§ **Activity**: Only a number is expected: how many lines in the data below contain the word "IFCSIUNIT".

[Records from a data source]
+ + + + +

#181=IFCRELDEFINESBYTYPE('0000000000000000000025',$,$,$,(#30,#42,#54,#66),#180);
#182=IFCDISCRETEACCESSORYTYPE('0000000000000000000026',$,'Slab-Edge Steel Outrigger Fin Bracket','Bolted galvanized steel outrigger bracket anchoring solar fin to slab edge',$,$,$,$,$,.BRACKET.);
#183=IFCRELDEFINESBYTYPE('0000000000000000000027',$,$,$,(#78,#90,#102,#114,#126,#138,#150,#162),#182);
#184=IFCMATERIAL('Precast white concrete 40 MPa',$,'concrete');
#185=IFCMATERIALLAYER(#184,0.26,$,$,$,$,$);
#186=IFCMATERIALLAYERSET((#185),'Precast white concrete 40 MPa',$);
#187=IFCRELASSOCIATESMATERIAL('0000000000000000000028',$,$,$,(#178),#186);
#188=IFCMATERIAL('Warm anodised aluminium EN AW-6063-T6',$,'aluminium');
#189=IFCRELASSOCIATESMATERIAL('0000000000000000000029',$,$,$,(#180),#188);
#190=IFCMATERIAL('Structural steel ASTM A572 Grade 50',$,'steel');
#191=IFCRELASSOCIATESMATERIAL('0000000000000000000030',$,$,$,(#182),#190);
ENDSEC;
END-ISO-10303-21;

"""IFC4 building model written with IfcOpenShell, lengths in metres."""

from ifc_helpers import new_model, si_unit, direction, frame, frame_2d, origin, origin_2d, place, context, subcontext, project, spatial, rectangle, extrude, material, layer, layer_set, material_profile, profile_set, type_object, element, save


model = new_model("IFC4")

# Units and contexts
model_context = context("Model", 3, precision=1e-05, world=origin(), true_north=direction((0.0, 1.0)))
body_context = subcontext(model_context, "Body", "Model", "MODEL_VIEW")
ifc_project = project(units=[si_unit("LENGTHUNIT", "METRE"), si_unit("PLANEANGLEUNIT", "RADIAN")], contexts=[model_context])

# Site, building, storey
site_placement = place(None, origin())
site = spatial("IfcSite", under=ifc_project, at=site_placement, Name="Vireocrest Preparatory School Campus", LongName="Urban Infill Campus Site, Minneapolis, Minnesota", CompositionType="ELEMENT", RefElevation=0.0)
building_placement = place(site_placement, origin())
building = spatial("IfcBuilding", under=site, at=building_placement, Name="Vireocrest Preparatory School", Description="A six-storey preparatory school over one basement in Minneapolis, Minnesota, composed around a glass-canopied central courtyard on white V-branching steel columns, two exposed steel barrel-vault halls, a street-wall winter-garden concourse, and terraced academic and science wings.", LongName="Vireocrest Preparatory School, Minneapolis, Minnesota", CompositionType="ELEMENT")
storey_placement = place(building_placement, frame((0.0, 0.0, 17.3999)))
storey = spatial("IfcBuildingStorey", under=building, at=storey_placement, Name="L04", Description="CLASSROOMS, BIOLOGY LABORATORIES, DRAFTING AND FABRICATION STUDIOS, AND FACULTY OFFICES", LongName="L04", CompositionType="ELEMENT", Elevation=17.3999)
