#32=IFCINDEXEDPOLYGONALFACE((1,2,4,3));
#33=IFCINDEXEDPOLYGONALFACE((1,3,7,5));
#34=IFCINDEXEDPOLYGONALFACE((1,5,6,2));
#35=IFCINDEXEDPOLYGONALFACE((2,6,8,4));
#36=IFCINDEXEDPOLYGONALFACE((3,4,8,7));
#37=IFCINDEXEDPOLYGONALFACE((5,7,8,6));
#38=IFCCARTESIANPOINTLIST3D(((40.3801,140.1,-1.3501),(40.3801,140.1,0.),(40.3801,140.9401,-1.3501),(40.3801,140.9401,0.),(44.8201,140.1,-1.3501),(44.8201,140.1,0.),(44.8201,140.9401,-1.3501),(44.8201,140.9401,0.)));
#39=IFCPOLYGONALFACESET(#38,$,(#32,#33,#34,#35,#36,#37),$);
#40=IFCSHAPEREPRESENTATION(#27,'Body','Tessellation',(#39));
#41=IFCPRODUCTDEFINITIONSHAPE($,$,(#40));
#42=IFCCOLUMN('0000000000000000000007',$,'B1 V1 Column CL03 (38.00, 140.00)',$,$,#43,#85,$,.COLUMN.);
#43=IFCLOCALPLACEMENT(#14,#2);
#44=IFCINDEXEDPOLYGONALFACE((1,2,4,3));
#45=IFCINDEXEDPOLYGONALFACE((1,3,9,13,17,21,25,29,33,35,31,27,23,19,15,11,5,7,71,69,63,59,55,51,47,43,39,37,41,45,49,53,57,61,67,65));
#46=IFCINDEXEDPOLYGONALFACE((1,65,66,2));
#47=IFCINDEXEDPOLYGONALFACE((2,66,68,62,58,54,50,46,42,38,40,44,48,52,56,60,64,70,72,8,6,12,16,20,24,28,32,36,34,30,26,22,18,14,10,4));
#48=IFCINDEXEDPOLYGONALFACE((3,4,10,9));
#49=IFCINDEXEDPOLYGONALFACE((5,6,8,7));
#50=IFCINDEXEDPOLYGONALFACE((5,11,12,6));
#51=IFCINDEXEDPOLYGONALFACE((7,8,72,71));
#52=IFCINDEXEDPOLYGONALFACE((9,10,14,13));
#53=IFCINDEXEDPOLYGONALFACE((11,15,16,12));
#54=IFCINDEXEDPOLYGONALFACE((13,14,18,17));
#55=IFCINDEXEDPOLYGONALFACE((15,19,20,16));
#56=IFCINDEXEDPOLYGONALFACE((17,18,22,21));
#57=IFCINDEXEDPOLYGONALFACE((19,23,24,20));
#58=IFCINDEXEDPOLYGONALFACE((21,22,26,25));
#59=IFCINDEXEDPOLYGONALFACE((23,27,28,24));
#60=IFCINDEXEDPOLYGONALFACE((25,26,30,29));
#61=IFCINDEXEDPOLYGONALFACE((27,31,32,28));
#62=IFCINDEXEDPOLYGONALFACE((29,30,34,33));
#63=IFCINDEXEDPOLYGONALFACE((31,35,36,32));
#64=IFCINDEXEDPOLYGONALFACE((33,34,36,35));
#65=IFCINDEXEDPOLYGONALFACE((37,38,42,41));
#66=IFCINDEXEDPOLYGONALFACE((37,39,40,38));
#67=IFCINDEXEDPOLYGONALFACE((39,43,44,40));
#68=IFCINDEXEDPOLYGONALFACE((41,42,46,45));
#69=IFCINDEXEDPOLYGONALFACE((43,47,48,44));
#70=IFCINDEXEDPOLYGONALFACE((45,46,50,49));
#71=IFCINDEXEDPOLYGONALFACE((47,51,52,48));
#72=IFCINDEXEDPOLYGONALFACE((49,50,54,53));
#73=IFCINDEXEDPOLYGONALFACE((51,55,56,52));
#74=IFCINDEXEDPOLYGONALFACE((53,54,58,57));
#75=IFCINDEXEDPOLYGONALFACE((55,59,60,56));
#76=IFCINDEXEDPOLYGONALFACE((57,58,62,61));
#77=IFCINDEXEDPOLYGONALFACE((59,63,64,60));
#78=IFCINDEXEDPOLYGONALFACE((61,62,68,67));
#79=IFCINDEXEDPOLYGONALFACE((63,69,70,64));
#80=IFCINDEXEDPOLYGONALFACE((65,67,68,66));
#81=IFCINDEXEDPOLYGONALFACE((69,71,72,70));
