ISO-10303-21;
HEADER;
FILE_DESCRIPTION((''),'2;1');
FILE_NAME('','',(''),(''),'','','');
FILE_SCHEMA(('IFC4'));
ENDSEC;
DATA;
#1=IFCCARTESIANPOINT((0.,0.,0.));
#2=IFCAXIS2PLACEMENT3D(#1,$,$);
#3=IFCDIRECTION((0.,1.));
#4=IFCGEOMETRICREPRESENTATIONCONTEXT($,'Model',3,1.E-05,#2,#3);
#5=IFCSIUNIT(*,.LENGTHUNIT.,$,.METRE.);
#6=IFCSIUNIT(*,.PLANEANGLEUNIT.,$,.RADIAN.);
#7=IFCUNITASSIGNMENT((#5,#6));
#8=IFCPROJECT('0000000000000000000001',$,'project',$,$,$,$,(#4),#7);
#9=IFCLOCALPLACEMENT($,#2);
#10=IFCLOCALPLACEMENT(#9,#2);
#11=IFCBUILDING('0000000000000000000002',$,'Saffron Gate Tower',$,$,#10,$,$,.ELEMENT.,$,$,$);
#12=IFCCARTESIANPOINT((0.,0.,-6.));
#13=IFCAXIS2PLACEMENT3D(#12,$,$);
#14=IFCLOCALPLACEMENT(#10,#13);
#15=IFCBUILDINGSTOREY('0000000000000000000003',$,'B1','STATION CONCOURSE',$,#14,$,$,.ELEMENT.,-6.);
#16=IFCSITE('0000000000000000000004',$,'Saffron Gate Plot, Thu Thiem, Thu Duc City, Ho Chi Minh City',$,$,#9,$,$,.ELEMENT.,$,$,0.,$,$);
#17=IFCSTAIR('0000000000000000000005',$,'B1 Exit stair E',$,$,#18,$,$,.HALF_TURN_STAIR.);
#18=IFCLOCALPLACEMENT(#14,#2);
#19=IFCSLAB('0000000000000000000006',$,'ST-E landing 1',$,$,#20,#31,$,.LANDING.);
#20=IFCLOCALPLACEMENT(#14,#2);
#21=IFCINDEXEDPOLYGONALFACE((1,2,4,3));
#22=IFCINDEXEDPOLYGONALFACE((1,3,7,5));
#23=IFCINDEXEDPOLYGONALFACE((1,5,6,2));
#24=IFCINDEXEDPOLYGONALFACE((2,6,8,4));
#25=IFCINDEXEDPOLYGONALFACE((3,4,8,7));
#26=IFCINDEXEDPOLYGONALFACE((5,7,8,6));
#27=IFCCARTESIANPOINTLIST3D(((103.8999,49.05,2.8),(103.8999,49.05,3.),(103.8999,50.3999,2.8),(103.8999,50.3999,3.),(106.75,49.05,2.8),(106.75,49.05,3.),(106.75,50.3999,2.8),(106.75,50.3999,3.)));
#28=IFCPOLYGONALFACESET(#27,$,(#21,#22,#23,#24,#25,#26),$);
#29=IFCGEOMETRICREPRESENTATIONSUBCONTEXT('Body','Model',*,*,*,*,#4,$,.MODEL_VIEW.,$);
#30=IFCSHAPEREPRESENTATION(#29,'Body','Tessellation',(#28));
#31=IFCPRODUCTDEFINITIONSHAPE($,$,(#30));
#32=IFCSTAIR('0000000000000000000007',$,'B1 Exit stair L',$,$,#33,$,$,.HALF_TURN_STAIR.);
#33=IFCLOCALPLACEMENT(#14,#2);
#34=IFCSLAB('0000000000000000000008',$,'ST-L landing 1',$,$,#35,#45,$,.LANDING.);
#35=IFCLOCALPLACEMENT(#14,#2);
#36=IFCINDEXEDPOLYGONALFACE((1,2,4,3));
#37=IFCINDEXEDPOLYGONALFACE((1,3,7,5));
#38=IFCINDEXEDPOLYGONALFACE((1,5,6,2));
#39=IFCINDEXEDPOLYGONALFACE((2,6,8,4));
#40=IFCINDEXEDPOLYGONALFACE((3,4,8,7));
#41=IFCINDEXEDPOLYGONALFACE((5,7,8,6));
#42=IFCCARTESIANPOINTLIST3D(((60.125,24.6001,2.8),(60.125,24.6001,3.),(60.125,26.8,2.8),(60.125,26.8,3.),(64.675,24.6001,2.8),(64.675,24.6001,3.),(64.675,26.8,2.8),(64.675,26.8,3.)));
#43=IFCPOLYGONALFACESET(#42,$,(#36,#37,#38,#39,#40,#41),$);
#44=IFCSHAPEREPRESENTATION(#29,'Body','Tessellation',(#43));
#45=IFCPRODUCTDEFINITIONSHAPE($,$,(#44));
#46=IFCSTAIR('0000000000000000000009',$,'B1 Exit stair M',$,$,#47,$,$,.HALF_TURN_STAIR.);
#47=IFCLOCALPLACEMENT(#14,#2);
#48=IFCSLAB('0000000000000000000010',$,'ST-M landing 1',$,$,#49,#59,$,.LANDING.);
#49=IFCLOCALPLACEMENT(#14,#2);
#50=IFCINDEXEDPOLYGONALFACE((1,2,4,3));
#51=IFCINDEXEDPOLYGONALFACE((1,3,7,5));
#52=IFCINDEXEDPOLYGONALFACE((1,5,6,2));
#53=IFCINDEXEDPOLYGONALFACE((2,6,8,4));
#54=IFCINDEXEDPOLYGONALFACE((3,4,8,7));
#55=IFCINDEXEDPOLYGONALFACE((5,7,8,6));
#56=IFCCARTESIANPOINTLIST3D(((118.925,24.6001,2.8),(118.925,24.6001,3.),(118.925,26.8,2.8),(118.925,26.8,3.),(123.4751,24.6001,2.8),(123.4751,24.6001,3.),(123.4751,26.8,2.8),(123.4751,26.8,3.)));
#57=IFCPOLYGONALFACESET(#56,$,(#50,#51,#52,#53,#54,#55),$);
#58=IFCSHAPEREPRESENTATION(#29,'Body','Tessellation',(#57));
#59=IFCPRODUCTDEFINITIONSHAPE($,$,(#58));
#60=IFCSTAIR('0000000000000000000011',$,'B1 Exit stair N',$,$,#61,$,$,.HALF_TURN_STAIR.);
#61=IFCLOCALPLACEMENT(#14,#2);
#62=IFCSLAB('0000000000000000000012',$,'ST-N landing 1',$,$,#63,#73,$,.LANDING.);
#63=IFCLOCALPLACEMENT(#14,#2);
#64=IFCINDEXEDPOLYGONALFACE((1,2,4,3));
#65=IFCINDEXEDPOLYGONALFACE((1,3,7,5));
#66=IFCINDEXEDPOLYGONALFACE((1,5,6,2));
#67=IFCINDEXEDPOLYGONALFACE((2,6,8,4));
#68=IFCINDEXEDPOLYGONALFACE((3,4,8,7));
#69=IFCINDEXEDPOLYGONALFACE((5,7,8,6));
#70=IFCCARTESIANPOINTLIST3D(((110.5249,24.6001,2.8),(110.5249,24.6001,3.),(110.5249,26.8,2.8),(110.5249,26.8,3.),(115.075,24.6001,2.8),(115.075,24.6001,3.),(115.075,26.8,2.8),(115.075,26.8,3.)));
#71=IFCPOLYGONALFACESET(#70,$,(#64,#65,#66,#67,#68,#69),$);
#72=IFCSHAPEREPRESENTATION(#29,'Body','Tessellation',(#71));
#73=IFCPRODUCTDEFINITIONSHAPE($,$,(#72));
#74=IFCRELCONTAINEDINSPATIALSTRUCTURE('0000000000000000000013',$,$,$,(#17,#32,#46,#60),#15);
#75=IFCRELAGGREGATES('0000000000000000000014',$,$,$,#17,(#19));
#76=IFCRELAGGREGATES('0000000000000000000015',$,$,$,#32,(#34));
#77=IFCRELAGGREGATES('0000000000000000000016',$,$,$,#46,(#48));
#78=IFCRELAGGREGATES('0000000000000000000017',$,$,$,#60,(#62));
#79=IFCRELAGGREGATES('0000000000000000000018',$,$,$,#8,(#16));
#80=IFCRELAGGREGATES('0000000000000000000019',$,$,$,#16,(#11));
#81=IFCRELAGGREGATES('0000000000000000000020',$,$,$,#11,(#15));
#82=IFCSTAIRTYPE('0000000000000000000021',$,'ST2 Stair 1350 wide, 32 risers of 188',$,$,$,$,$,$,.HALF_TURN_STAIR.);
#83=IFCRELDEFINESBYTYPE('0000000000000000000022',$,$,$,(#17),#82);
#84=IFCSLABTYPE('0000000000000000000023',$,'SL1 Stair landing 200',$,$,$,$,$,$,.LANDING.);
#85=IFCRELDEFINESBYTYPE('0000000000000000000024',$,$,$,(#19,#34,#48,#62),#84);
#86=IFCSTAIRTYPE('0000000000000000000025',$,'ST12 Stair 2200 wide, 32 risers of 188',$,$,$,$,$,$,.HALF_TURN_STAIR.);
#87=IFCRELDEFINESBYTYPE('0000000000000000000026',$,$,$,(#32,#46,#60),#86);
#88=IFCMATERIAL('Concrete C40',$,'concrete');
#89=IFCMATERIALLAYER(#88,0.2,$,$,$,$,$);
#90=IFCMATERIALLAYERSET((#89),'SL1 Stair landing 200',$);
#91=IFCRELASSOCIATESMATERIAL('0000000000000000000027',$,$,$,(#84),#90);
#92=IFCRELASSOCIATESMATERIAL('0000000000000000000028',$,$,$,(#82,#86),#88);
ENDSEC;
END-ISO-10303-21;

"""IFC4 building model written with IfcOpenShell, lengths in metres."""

from ifc_helpers import new_model, si_unit, direction, frame, origin, place, context, subcontext, project, spatial, polyline, outline, extrude, material, layer, layer_set, type_object, element, aggregate, save


model = new_model("IFC4")

# Units and contexts
model_context = context("Model", 3, precision=1e-05, world=origin(), true_north=direction((0.0, 1.0)))
body_context = subcontext(model_context, "Body", "Model", "MODEL_VIEW")
ifc_project = project(units=[si_unit("LENGTHUNIT", "METRE"), si_unit("PLANEANGLEUNIT", "RADIAN")], contexts=[model_context])

# Site, building, storey
site_placement = place(None, origin())
site = spatial("IfcSite", under=ifc_project, at=site_placement, Name="Saffron Gate Plot, Thu Thiem, Thu Duc City, Ho Chi Minh City", CompositionType="ELEMENT", RefElevation=0.0)
building_placement = place(site_placement, origin())
building = spatial("IfcBuilding", under=site, at=building_placement, Name="Saffron Gate Tower", CompositionType="ELEMENT")
storey_placement = place(building_placement, frame((0.0, 0.0, -6.0)))
storey = spatial("IfcBuildingStorey", under=building, at=storey_placement, Name="B1", Description="STATION CONCOURSE", CompositionType="ELEMENT", Elevation=-6.0)

# Shared definitions
ifc_material = material(Name="Concrete C40", Category="concrete")

# Stairs, slabs
ifc_layer_1 = layer(ifc_material, 0.2)
ifc_layer_set_1 = layer_set([ifc_layer_1], Name="SL1 Stair landing 200")
slab_type_1 = type_object("IfcSlabType", Name="SL1 Stair landing 200", PredefinedType="LANDING", material=ifc_layer_set_1)
stair_type_1 = type_object("IfcStairType", Name="ST2 Stair 1350 wide, 32 risers of 188", PredefinedType="HALF_TURN_STAIR", material=ifc_material)
stair_1_placement = place(storey_placement, origin())
stair_1 = element("IfcStair", 1, at=stair_1_placement, inside=storey, type_object=stair_type_1, Name="B1 Exit stair E", PredefinedType="HALF_TURN_STAIR")
slab_1_placement = place(storey_placement, frame((0.0, 0.0, 2.8)))
slab_1 = element("IfcSlab", 2, at=slab_1_placement, type_object=slab_type_1, Name="ST-E landing 1", PredefinedType="LANDING", context=body_context, shape_type="SweptSolid", body=[
    extrude(outline(polyline([(106.75, 49.05), (106.75, 50.3999), (103.8999, 50.3999), (103.8999, 49.05), (106.75, 49.05)])), origin(), (0.0, 0.0, 1.0), 0.2),
])
aggregate(stair_1, [slab_1])
stair_type_2 = type_object("IfcStairType", Name="ST12 Stair 2200 wide, 32 risers of 188", PredefinedType="HALF_TURN_STAIR", material=ifc_material)
stair_2_placement = place(storey_placement, origin())
stair_2 = element("IfcStair", 3, at=stair_2_placement, inside=storey, type_object=stair_type_2, Name="B1 Exit stair L", PredefinedType="HALF_TURN_STAIR")
slab_2_placement = place(storey_placement, frame((0.0, 0.0, 2.8)))
slab_2 = element("IfcSlab", 4, at=slab_2_placement, type_object=slab_type_1, Name="ST-L landing 1", PredefinedType="LANDING", context=body_context, shape_type="SweptSolid", body=[
    extrude(outline(polyline([(64.675, 24.6001), (64.675, 26.8), (60.125, 26.8), (60.125, 24.6001), (64.675, 24.6001)])), origin(), (0.0, 0.0, 1.0), 0.2),
])
aggregate(stair_2, [slab_2])
stair_3_placement = place(storey_placement, origin())
stair_3 = element("IfcStair", 5, at=stair_3_placement, inside=storey, type_object=stair_type_2, Name="B1 Exit stair M", PredefinedType="HALF_TURN_STAIR")
slab_3_placement = place(storey_placement, frame((0.0, 0.0, 2.8)))
slab_3 = element("IfcSlab", 6, at=slab_3_placement, type_object=slab_type_1, Name="ST-M landing 1", PredefinedType="LANDING", context=body_context, shape_type="SweptSolid", body=[
    extrude(outline(polyline([(123.4751, 24.6001), (123.4751, 26.8), (118.925, 26.8), (118.925, 24.6001), (123.4751, 24.6001)])), origin(), (0.0, 0.0, 1.0), 0.2),
])
aggregate(stair_3, [slab_3])
stair_4_placement = place(storey_placement, origin())
stair_4 = element("IfcStair", 7, at=stair_4_placement, inside=storey, type_object=stair_type_2, Name="B1 Exit stair N", PredefinedType="HALF_TURN_STAIR")
slab_4_placement = place(storey_placement, frame((0.0, 0.0, 2.8)))
slab_4 = element("IfcSlab", 8, at=slab_4_placement, type_object=slab_type_1, Name="ST-N landing 1", PredefinedType="LANDING", context=body_context, shape_type="SweptSolid", body=[
    extrude(outline(polyline([(115.075, 24.6001), (115.075, 26.8), (110.5249, 26.8), (110.5249, 24.6001), (115.075, 24.6001)])), origin(), (0.0, 0.0, 1.0), 0.2),
])
aggregate(stair_4, [slab_4])

save(model, "model.ifc")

+ + + + +

§ **Completed task**: 2